**EXERCISE AIM**
From the records below, please repeat exactly the line that has "#132=IFCINDEXEDPOLYGONALFACE((1,2,4,3));", the line that has "#139=IFCINDEXEDPOLYGONALFACE((9,10,12,11));", and every line between them, and nothing else.

**DATA SUPPLIED**
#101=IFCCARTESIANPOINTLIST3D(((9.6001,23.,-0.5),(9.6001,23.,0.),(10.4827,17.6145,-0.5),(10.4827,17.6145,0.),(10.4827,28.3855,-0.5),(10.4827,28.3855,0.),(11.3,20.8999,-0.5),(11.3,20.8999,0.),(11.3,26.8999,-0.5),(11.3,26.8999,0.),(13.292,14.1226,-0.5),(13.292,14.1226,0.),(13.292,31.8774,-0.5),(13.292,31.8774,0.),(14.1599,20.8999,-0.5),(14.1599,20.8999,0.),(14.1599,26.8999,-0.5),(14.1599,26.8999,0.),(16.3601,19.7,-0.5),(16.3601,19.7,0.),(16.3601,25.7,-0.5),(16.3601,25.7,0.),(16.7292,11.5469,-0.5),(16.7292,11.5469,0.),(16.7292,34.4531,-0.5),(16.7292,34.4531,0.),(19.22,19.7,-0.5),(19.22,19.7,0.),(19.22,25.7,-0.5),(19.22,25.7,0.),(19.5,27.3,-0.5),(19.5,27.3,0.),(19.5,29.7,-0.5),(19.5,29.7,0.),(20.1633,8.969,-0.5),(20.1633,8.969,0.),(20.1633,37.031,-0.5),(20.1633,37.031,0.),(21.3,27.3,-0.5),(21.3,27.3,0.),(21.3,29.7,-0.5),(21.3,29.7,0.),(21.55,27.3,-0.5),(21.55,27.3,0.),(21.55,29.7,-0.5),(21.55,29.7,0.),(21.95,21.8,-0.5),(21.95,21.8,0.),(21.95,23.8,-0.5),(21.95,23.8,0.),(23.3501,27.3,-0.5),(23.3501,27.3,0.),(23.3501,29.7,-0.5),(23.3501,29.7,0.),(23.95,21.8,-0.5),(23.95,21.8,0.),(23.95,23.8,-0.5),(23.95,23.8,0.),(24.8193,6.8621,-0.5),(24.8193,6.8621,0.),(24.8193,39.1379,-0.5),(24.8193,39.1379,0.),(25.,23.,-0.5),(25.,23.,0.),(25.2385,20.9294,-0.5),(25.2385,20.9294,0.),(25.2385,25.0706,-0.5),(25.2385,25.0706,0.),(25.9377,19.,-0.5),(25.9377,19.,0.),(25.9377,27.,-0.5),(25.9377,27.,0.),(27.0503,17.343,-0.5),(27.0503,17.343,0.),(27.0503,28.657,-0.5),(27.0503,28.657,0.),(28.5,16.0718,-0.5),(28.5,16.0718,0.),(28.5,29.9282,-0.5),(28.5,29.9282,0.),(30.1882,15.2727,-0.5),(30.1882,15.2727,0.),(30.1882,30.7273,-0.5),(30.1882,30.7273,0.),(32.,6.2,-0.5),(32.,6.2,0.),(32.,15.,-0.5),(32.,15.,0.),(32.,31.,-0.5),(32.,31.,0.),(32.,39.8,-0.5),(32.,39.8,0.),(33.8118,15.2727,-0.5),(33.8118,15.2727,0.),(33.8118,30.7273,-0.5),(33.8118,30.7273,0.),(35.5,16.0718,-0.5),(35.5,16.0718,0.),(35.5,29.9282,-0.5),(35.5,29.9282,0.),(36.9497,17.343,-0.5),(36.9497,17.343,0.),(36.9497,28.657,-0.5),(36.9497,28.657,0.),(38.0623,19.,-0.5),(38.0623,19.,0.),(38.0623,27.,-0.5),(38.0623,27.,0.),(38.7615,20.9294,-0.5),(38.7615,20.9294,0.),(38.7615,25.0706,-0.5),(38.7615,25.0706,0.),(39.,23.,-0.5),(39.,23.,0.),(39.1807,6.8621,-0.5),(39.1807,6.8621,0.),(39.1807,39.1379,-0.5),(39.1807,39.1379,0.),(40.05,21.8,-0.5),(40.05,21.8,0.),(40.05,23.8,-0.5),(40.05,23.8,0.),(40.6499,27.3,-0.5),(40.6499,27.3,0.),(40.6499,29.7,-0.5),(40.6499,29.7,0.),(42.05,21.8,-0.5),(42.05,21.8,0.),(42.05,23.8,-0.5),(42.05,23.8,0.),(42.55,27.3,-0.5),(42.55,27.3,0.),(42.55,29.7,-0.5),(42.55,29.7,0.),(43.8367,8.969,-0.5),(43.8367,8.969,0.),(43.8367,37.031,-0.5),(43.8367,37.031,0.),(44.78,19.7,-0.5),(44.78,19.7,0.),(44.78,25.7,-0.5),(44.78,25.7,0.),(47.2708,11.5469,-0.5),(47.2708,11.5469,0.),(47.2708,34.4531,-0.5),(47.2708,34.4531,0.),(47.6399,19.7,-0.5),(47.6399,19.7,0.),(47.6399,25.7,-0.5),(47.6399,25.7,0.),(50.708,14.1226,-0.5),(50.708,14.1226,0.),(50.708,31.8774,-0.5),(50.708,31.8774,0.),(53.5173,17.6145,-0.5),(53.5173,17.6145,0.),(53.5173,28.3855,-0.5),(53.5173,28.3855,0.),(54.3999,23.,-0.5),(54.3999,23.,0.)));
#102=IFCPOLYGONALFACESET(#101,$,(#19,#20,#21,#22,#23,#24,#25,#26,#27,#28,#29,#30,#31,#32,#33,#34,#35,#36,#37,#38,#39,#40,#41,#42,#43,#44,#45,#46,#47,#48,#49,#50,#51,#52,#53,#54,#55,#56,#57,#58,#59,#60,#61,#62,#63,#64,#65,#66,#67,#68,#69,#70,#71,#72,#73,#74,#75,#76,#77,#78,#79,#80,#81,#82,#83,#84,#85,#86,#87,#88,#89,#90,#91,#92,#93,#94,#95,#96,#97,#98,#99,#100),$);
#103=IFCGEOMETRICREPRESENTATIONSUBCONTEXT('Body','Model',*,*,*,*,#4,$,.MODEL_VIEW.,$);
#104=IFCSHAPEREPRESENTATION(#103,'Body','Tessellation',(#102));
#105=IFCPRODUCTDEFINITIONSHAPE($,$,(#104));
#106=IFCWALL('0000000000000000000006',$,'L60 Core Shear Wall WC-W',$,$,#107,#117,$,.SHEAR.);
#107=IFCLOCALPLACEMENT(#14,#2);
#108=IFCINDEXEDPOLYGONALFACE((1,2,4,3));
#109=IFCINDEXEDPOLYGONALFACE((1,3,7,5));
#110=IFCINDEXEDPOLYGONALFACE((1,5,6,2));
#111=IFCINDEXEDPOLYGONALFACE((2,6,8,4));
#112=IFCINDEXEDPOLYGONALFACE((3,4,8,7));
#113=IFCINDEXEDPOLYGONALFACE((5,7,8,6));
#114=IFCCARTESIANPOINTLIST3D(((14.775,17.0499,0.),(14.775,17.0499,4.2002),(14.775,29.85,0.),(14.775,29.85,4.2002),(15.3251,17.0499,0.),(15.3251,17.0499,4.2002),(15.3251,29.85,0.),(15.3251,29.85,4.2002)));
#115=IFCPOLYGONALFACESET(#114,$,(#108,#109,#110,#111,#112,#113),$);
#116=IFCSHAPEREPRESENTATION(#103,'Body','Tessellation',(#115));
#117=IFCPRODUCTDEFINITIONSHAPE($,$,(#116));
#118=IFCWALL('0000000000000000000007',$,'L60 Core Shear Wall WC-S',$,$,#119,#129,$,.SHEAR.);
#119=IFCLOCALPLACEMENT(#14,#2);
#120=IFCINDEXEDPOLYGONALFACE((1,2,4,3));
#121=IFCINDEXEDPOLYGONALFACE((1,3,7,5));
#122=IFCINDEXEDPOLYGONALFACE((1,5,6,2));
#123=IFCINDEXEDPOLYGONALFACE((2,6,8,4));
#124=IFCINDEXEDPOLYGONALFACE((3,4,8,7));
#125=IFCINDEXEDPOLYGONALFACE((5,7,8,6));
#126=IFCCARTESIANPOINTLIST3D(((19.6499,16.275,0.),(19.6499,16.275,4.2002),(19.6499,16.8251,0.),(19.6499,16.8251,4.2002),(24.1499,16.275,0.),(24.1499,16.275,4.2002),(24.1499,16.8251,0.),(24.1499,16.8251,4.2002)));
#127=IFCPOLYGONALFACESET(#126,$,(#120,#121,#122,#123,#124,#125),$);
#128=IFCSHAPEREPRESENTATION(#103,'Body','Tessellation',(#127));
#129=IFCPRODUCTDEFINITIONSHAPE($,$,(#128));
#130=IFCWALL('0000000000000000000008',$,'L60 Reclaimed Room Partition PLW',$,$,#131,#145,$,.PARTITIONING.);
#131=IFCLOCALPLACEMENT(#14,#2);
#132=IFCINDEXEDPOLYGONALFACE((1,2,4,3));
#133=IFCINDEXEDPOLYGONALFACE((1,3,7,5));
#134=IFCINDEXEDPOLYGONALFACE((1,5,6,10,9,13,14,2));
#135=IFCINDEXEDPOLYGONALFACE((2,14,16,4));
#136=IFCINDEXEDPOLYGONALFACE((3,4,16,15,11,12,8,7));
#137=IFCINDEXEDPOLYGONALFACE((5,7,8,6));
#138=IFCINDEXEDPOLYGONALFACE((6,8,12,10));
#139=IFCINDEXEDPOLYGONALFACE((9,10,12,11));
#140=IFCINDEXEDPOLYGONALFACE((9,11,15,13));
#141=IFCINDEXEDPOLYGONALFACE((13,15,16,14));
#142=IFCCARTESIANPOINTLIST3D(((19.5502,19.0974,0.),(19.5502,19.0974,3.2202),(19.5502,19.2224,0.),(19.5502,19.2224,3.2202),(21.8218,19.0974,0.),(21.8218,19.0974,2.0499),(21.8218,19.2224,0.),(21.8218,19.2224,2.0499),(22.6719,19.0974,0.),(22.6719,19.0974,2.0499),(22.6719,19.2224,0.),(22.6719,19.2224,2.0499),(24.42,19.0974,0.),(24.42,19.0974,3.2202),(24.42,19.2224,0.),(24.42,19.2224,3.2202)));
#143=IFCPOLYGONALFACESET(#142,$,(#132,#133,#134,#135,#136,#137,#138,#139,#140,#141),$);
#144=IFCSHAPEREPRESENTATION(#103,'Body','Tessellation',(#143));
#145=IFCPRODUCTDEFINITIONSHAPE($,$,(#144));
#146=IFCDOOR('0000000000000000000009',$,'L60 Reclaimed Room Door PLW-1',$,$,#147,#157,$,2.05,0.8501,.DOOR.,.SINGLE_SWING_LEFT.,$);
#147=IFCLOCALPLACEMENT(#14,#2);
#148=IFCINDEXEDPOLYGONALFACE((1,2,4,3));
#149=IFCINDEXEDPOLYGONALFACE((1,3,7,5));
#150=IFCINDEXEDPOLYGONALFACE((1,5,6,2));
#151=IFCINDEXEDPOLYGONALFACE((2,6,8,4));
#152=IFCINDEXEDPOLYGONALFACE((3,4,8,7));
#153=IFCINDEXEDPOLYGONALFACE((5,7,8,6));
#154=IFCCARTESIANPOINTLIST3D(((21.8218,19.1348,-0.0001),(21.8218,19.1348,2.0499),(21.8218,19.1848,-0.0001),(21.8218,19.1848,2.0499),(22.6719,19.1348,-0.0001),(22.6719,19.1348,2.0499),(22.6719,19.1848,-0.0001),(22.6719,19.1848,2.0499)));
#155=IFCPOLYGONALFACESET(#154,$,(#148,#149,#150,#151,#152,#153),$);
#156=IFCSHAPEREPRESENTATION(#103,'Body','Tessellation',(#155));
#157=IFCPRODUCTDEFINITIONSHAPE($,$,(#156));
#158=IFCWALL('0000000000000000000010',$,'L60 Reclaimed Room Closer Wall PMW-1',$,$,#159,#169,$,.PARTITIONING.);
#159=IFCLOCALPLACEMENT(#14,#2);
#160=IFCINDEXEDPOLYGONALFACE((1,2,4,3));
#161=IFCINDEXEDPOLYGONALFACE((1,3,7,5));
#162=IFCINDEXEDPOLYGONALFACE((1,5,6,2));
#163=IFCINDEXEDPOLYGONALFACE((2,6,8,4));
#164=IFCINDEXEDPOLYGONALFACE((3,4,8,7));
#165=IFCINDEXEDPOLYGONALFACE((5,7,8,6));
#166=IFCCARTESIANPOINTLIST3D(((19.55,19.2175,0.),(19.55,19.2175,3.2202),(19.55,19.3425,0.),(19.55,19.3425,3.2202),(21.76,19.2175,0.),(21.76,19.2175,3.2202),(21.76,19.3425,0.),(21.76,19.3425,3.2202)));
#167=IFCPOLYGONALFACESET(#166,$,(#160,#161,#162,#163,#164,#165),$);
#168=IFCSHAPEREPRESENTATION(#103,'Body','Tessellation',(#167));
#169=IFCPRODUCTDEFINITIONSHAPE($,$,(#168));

**RESULT OF THE EXERCISE**
#132=IFCINDEXEDPOLYGONALFACE((1,2,4,3));
#133=IFCINDEXEDPOLYGONALFACE((1,3,7,5));
#134=IFCINDEXEDPOLYGONALFACE((1,5,6,10,9,13,14,2));
#135=IFCINDEXEDPOLYGONALFACE((2,14,16,4));
#136=IFCINDEXEDPOLYGONALFACE((3,4,16,15,11,12,8,7));
#137=IFCINDEXEDPOLYGONALFACE((5,7,8,6));
#138=IFCINDEXEDPOLYGONALFACE((6,8,12,10));
#139=IFCINDEXEDPOLYGONALFACE((9,10,12,11));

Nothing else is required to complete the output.